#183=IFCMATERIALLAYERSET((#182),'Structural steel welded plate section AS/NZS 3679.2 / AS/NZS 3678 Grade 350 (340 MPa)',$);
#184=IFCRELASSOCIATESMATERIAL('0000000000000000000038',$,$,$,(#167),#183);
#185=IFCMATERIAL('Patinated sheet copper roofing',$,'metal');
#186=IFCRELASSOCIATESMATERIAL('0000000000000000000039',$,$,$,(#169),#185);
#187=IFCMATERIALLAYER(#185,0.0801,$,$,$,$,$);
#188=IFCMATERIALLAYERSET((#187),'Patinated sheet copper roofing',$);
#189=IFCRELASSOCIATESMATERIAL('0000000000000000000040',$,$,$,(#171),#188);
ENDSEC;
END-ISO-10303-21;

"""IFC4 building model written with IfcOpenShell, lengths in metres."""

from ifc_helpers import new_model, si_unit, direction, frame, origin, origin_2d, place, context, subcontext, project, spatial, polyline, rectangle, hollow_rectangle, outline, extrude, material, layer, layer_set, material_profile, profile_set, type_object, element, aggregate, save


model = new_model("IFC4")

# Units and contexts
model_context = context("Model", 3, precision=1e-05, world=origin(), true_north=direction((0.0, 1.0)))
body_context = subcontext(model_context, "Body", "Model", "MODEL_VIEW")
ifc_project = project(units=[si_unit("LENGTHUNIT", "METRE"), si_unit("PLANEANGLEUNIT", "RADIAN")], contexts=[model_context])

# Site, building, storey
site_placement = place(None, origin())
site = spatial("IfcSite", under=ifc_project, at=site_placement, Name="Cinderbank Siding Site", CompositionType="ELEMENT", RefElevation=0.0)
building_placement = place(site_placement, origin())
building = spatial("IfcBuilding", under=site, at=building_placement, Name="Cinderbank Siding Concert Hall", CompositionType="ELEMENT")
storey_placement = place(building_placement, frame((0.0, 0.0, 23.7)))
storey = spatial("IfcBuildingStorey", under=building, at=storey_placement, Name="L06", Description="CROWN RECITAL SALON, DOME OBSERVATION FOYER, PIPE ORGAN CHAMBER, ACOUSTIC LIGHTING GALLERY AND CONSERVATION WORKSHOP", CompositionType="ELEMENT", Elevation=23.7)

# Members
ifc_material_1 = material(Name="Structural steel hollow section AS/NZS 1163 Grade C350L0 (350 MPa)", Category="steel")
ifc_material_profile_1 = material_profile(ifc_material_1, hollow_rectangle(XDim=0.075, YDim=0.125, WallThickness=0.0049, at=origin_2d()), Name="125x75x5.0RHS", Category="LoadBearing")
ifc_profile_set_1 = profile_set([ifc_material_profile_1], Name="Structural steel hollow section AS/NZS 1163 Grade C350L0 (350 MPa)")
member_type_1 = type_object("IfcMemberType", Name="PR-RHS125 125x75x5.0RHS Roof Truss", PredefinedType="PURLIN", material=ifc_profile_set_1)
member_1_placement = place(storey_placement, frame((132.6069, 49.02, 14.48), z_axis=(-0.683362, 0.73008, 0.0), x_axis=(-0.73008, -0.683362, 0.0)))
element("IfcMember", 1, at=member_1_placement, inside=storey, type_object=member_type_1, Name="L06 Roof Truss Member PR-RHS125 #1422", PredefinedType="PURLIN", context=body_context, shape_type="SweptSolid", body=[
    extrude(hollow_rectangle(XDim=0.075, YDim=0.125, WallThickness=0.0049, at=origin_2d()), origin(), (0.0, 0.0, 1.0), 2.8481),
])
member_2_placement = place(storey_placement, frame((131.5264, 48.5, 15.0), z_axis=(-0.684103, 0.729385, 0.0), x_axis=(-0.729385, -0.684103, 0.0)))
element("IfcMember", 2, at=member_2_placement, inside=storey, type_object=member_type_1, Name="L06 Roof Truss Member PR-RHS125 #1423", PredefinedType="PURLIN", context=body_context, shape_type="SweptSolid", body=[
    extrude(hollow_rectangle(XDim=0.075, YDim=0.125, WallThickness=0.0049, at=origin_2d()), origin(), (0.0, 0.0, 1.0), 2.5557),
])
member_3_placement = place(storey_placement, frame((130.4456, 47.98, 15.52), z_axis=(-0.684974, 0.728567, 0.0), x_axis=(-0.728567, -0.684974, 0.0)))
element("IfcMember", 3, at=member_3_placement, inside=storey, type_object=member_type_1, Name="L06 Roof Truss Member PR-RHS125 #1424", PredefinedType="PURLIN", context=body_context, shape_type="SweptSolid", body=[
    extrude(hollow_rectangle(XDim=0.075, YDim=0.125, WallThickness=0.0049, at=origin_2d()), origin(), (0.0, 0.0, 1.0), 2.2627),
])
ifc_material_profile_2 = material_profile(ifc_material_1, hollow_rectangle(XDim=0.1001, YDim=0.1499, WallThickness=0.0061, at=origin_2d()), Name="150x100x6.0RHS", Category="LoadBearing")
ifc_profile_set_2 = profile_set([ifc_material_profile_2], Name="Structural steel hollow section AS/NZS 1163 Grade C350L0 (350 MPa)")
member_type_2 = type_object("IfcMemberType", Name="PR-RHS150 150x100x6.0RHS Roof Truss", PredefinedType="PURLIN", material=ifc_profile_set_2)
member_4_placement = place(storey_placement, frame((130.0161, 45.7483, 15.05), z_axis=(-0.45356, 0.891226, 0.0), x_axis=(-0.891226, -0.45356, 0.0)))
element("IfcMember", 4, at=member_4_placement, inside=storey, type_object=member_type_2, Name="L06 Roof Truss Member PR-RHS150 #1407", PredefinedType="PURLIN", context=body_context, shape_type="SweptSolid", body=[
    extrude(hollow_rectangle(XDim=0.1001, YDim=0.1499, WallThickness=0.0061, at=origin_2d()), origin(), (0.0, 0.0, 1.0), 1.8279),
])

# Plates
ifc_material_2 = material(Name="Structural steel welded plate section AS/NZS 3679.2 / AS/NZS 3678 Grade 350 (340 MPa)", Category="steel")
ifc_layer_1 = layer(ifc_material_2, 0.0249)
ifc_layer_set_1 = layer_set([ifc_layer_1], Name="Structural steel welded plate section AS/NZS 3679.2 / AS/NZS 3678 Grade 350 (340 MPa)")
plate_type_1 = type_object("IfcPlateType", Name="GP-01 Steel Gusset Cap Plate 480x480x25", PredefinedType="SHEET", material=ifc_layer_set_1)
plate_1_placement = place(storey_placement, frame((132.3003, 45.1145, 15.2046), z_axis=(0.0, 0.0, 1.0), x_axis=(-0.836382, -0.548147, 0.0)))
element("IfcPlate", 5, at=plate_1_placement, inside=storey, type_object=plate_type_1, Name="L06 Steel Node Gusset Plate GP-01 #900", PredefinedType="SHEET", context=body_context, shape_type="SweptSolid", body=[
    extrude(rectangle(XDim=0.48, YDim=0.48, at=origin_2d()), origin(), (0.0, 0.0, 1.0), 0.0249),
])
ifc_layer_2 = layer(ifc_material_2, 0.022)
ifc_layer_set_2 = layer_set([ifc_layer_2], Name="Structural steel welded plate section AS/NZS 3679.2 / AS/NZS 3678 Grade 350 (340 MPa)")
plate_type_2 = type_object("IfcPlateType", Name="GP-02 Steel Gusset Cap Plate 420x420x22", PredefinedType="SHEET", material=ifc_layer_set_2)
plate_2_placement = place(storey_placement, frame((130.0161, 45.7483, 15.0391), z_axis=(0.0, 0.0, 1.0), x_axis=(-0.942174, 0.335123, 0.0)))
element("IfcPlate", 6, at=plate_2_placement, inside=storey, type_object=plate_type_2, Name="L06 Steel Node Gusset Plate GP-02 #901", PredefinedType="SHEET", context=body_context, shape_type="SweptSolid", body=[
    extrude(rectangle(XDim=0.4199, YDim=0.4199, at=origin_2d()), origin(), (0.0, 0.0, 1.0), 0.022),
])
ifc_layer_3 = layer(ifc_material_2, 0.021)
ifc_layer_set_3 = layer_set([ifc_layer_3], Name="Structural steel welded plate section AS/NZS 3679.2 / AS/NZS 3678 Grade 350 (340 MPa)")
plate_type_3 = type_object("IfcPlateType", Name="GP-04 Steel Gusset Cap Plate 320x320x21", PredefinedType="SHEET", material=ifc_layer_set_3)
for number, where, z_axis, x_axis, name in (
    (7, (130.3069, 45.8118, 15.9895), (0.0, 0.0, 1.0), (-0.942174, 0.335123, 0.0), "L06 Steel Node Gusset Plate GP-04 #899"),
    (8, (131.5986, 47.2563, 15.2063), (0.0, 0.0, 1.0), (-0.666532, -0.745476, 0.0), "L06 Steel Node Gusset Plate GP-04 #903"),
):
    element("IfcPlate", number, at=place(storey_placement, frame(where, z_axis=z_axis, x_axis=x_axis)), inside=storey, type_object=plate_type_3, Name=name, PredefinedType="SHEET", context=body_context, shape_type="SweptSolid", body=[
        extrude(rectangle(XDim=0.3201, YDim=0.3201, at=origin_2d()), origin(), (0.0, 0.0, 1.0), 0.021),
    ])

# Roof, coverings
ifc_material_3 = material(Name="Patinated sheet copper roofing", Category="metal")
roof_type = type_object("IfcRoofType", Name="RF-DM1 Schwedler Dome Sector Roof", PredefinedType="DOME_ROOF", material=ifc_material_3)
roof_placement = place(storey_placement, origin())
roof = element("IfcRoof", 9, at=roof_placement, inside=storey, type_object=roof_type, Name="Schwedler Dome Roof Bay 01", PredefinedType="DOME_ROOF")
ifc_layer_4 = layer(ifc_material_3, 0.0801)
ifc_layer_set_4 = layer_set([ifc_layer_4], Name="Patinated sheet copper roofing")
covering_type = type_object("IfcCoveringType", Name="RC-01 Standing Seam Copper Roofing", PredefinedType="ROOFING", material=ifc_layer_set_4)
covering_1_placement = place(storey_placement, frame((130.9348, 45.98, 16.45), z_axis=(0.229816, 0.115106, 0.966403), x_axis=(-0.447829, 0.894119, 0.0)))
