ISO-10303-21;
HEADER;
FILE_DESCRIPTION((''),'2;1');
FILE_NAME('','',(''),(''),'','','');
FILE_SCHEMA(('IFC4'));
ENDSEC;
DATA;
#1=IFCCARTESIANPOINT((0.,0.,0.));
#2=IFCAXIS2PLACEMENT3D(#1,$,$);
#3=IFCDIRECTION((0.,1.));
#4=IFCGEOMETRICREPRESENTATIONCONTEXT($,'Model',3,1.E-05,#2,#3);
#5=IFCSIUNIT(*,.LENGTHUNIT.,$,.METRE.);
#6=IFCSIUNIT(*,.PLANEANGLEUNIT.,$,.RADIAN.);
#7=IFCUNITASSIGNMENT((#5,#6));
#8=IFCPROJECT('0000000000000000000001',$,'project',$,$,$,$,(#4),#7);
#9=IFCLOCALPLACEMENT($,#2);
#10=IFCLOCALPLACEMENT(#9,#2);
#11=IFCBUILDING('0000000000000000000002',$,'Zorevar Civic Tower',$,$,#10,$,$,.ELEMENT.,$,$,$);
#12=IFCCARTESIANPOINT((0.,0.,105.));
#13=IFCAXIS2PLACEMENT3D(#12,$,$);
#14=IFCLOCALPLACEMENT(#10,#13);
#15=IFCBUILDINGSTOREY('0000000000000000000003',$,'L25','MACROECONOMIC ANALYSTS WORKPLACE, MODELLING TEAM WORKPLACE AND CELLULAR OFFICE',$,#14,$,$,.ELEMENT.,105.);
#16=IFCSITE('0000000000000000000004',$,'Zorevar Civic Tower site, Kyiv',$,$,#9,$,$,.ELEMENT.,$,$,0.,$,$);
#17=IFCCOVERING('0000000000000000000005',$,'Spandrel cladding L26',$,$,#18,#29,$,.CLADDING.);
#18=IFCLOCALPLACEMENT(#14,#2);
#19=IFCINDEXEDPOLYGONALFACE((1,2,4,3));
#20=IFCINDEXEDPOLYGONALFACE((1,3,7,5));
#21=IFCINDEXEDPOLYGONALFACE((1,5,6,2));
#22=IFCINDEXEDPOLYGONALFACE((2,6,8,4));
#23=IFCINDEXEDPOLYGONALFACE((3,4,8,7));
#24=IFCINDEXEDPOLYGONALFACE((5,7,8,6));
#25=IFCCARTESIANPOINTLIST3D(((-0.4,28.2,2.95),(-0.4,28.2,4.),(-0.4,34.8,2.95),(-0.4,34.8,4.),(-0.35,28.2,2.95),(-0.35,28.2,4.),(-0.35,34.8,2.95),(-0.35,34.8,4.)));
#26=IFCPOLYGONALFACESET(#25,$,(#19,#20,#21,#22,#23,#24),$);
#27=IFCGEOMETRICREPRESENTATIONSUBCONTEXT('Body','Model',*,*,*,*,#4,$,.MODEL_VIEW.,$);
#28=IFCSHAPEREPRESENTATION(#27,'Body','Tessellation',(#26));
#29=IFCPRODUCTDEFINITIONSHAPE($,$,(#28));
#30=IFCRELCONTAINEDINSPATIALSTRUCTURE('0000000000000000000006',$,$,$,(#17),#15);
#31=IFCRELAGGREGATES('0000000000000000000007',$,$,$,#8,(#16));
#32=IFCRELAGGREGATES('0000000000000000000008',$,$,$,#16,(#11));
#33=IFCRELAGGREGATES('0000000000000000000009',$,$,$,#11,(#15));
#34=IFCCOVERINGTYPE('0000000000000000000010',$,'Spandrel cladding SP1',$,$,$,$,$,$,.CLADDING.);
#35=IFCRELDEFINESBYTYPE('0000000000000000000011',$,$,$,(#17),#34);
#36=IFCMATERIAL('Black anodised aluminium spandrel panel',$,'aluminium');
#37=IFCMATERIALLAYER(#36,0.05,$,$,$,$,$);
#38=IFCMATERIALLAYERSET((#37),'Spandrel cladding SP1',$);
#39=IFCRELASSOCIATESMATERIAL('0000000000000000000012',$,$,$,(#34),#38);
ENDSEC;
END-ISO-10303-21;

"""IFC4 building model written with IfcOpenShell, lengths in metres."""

from ifc_helpers import new_model, si_unit, direction, frame, frame_2d, origin, place, context, subcontext, project, spatial, rectangle, extrude, material, layer, layer_set, type_object, element, save


model = new_model("IFC4")

# Units and contexts
model_context = context("Model", 3, precision=1e-05, world=origin(), true_north=direction((0.0, 1.0)))
body_context = subcontext(model_context, "Body", "Model", "MODEL_VIEW")
ifc_project = project(units=[si_unit("LENGTHUNIT", "METRE"), si_unit("PLANEANGLEUNIT", "RADIAN")], contexts=[model_context])

# Site, building, storey
site_placement = place(None, origin())
site = spatial("IfcSite", under=ifc_project, at=site_placement, Name="Zorevar Civic Tower site, Kyiv", CompositionType="ELEMENT", RefElevation=0.0)
building_placement = place(site_placement, origin())
building = spatial("IfcBuilding", under=site, at=building_placement, Name="Zorevar Civic Tower", CompositionType="ELEMENT")
storey_placement = place(building_placement, frame((0.0, 0.0, 105.0)))
storey = spatial("IfcBuildingStorey", under=building, at=storey_placement, Name="L25", Description="MACROECONOMIC ANALYSTS WORKPLACE, MODELLING TEAM WORKPLACE AND CELLULAR OFFICE", CompositionType="ELEMENT", Elevation=105.0)

# Covering
ifc_material_1 = material(Name="Black anodised aluminium spandrel panel", Category="aluminium")
ifc_layer_1 = layer(ifc_material_1, 0.05)
ifc_layer_set_1 = layer_set([ifc_layer_1], Name="Spandrel cladding SP1")
covering_type = type_object("IfcCoveringType", Name="Spandrel cladding SP1", PredefinedType="CLADDING", material=ifc_layer_set_1)
for number, where, z_axis, x_axis, name in (
    (1, (-0.375, 28.2, 2.95), (0.0, 0.0, 1.0), (0.0, 1.0, 0.0), "Spandrel cladding L26"),
):
    element("IfcCovering", number, at=place(storey_placement, frame(where, z_axis=z_axis, x_axis=x_axis)), inside=storey, type_object=covering_type, Name=name, PredefinedType="CLADDING", context=body_context, shape_type="SweptSolid", body=[
        extrude(rectangle(XDim=6.6001, YDim=0.05, at=frame_2d((3.3, 0.0))), origin(), (0.0, 0.0, 1.0), 1.05),
    ])

save(model, "model.ifc")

========================================

Taking the entries above, print exactly the lines starting at the line with "#3=IFCDIRECTION((0.,1.));" and ending at the line with "#14=IFCLOCALPLACEMENT(#10,#13);", both included.

#3=IFCDIRECTION((0.,1.));
#4=IFCGEOMETRICREPRESENTATIONCONTEXT($,'Model',3,1.E-05,#2,#3);
#5=IFCSIUNIT(*,.LENGTHUNIT.,$,.METRE.);
#6=IFCSIUNIT(*,.PLANEANGLEUNIT.,$,.RADIAN.);
#7=IFCUNITASSIGNMENT((#5,#6));
#8=IFCPROJECT('0000000000000000000001',$,'project',$,$,$,$,(#4),#7);
#9=IFCLOCALPLACEMENT($,#2);
#10=IFCLOCALPLACEMENT(#9,#2);
#11=IFCBUILDING('0000000000000000000002',$,'Zorevar Civic Tower',$,$,#10,$,$,.ELEMENT.,$,$,$);
#12=IFCCARTESIANPOINT((0.,0.,105.));
#13=IFCAXIS2PLACEMENT3D(#12,$,$);
#14=IFCLOCALPLACEMENT(#10,#13);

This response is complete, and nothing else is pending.